--- Provided data ---

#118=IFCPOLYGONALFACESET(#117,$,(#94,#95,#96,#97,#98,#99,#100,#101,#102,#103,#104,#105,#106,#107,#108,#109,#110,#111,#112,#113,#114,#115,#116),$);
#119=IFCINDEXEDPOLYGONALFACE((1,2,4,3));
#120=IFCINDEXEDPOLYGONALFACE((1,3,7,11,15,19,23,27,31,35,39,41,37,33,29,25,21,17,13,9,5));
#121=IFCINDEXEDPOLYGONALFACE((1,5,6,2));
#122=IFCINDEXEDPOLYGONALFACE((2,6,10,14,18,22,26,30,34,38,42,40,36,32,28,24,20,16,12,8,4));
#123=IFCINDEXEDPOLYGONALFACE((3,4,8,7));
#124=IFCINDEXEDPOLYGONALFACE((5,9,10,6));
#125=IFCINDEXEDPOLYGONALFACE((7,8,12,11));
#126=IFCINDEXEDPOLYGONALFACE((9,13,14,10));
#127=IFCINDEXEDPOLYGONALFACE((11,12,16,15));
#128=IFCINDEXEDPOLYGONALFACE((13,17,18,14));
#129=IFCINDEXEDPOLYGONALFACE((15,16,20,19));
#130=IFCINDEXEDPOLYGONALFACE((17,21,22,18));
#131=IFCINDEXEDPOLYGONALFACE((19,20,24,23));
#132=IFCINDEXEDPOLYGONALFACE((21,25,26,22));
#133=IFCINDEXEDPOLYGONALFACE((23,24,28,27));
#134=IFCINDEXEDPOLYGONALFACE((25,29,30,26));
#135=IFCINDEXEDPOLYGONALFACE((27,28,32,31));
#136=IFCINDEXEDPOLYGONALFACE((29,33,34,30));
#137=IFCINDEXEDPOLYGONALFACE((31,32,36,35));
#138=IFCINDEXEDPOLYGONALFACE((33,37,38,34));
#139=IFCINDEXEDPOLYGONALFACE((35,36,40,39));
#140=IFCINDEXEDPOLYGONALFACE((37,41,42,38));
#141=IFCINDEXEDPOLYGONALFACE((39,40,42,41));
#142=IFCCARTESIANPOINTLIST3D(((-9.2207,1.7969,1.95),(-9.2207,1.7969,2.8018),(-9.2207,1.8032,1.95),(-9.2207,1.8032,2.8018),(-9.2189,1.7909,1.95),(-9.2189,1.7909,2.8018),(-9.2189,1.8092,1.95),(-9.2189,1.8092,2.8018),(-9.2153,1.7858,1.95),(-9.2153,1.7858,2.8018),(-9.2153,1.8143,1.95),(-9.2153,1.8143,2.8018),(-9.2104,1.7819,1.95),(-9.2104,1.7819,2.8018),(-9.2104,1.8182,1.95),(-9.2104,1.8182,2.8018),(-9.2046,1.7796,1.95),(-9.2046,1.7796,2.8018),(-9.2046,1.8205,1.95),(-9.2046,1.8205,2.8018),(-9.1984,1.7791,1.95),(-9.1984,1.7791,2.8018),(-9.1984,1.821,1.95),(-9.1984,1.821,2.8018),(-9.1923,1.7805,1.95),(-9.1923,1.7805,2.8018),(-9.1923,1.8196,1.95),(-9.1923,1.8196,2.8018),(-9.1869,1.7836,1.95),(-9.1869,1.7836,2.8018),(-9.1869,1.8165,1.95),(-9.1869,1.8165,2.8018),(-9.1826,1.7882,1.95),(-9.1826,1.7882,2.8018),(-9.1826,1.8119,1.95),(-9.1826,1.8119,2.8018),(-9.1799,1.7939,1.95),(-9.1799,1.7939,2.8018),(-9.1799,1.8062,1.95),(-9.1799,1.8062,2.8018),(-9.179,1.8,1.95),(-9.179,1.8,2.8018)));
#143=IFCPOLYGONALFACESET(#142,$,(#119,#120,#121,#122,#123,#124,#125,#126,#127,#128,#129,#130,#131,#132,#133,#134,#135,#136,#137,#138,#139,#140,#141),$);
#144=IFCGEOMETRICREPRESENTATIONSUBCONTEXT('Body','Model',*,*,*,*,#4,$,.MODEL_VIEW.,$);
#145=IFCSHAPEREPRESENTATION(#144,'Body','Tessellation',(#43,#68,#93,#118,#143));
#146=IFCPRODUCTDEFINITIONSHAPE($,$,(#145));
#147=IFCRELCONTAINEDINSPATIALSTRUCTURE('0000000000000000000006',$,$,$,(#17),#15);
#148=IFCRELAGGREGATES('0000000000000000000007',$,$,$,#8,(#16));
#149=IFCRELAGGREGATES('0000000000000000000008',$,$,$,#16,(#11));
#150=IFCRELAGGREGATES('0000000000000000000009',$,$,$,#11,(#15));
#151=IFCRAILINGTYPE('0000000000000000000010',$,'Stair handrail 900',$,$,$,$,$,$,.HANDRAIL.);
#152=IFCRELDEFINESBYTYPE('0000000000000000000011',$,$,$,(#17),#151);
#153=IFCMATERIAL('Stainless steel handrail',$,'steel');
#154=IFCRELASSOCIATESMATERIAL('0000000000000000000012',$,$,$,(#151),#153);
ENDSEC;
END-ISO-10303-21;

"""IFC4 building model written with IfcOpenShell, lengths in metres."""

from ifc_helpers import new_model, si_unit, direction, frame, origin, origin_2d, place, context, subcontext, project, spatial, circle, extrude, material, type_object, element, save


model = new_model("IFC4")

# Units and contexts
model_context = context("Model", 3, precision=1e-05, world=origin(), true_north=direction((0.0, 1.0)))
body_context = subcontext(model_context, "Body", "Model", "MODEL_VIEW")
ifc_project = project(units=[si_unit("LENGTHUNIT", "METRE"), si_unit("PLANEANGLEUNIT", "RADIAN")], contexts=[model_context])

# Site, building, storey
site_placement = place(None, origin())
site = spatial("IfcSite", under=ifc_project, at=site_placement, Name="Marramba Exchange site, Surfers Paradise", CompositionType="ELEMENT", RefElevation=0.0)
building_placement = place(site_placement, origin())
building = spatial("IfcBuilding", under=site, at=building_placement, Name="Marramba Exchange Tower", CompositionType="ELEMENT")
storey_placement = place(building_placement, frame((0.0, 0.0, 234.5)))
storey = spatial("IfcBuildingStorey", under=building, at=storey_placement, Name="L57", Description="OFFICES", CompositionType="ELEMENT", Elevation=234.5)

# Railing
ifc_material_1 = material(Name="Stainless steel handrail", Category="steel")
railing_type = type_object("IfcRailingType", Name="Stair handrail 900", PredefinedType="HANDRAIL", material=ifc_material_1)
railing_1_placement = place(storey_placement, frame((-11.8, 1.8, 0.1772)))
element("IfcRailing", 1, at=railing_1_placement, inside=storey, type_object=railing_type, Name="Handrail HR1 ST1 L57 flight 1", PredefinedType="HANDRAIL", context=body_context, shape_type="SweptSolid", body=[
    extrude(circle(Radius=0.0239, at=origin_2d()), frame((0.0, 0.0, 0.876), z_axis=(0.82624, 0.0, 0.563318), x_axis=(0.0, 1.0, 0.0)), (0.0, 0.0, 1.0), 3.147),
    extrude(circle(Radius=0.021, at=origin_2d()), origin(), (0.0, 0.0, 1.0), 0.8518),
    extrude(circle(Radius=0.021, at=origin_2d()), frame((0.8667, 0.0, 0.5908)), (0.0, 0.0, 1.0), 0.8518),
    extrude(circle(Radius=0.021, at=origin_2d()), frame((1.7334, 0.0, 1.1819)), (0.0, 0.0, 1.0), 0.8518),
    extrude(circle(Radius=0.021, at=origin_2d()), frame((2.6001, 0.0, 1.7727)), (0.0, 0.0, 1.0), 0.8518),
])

---

### Work to complete
One stretch of the lines above is wanted, from the line that contains "site_placement = place(None, origin())" through the line that contains "building_placement = place(site_placement, origin())". Output it exactly.

### Completed exercise
site_placement = place(None, origin())
site = spatial("IfcSite", under=ifc_project, at=site_placement, Name="Marramba Exchange site, Surfers Paradise", CompositionType="ELEMENT", RefElevation=0.0)
building_placement = place(site_placement, origin())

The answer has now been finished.